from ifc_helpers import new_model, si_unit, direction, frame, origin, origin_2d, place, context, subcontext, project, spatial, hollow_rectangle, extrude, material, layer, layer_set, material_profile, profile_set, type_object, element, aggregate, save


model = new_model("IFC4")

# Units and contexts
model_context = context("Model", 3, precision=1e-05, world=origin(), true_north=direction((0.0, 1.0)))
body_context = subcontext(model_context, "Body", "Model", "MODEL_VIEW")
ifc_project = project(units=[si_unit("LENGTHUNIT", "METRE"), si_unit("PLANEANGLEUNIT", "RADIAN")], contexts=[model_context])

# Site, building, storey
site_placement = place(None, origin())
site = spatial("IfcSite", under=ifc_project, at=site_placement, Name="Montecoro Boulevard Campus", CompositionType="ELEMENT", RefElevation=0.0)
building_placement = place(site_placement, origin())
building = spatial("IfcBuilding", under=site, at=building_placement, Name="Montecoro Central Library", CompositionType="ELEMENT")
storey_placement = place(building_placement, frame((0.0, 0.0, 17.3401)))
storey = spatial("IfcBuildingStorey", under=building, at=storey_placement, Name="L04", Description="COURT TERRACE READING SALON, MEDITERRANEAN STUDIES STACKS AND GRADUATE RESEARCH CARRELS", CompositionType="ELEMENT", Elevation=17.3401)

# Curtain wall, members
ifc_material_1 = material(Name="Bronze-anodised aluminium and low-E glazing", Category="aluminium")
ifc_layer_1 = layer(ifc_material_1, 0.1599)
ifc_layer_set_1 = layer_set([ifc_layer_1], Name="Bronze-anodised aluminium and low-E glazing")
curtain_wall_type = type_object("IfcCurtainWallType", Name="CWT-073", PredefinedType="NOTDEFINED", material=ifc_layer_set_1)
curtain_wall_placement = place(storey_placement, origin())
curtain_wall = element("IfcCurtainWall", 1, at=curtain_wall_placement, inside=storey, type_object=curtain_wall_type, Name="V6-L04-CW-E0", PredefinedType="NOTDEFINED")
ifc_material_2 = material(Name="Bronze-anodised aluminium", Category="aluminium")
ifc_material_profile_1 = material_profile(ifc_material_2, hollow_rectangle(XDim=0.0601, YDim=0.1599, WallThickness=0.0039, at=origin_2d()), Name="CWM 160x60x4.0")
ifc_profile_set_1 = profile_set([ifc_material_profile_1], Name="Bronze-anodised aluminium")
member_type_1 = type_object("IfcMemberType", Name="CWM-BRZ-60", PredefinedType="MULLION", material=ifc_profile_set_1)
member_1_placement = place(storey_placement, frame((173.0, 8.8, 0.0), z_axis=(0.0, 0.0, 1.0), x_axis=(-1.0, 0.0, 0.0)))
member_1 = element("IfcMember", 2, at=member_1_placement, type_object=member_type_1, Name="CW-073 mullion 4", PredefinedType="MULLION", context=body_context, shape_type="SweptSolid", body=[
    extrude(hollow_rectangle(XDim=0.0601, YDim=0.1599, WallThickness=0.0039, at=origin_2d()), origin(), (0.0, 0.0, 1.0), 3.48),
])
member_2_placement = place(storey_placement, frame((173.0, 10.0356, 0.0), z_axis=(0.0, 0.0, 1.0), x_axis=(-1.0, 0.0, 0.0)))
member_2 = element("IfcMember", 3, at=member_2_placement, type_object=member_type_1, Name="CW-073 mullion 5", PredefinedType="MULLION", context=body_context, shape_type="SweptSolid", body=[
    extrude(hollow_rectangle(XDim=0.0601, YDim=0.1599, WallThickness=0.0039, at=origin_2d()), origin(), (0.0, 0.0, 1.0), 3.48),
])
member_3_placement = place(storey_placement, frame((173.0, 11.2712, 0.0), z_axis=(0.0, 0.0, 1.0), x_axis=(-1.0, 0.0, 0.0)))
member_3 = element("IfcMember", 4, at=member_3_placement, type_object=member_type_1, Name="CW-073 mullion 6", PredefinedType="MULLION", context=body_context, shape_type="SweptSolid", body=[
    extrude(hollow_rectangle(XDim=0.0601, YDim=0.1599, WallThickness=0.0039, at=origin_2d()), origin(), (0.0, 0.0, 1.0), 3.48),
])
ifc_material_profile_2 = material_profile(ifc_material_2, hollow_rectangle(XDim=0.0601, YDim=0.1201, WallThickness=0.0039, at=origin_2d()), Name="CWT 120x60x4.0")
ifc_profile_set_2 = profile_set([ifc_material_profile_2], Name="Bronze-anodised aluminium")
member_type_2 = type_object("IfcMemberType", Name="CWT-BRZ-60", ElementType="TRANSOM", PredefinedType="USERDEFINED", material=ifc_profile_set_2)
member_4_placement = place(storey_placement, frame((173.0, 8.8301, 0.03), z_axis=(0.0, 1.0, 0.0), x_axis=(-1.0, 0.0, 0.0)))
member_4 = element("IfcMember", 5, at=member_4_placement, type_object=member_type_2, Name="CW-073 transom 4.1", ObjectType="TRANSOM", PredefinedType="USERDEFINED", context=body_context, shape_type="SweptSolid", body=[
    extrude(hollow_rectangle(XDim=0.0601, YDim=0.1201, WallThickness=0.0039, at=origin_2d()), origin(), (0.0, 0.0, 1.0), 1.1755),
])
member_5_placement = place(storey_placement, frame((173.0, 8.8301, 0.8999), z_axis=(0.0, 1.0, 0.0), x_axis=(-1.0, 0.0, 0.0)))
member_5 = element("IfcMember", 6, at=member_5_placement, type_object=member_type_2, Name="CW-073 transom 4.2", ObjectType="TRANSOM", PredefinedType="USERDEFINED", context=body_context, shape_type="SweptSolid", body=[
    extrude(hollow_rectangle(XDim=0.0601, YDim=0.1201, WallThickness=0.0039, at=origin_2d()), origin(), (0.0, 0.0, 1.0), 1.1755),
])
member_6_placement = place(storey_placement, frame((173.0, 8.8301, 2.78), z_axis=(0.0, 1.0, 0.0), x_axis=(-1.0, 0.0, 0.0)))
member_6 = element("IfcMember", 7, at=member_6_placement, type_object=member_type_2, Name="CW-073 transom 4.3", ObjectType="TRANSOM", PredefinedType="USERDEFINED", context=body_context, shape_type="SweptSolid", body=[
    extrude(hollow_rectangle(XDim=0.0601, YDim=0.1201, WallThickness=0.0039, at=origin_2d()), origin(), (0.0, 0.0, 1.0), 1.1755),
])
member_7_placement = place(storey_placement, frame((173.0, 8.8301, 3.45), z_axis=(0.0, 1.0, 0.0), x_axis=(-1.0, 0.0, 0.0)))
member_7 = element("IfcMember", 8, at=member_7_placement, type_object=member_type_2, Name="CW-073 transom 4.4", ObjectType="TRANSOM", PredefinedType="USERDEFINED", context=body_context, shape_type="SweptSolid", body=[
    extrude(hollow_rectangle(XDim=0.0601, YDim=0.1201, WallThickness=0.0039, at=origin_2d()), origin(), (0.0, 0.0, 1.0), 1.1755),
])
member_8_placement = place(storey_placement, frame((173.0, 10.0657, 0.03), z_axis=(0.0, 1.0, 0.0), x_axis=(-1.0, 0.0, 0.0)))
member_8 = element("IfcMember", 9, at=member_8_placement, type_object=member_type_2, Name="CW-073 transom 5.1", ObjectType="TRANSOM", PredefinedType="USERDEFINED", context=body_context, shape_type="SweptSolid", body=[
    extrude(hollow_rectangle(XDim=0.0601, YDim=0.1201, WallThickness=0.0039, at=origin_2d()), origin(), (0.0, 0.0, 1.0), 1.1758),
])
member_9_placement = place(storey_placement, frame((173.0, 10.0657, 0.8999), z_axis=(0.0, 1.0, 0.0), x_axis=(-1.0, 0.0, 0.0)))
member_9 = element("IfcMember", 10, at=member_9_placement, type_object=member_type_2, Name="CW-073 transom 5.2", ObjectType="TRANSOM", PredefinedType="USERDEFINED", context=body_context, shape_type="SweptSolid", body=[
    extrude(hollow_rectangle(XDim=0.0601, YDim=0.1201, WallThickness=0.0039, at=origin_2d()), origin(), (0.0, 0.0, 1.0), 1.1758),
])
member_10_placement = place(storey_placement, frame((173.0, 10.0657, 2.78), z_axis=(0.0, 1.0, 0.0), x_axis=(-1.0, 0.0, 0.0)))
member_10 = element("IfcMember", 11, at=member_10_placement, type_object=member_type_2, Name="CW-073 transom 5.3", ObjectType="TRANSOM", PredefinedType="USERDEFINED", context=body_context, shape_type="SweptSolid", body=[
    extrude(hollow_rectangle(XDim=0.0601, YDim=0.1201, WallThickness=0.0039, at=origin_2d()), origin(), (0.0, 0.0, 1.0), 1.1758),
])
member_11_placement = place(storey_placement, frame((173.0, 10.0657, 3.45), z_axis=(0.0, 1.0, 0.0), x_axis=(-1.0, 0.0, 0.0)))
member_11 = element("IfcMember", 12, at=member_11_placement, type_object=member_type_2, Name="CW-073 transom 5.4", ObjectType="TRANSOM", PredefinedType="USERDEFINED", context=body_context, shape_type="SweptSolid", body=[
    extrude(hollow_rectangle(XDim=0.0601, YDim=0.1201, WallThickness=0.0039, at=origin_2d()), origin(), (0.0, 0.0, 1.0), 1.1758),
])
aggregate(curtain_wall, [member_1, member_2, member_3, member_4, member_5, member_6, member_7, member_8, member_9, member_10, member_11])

---------------

### Requirement
Find each line in the records that includes the word "subcontext". Report the total and nothing more.

### Solution for this exercise
2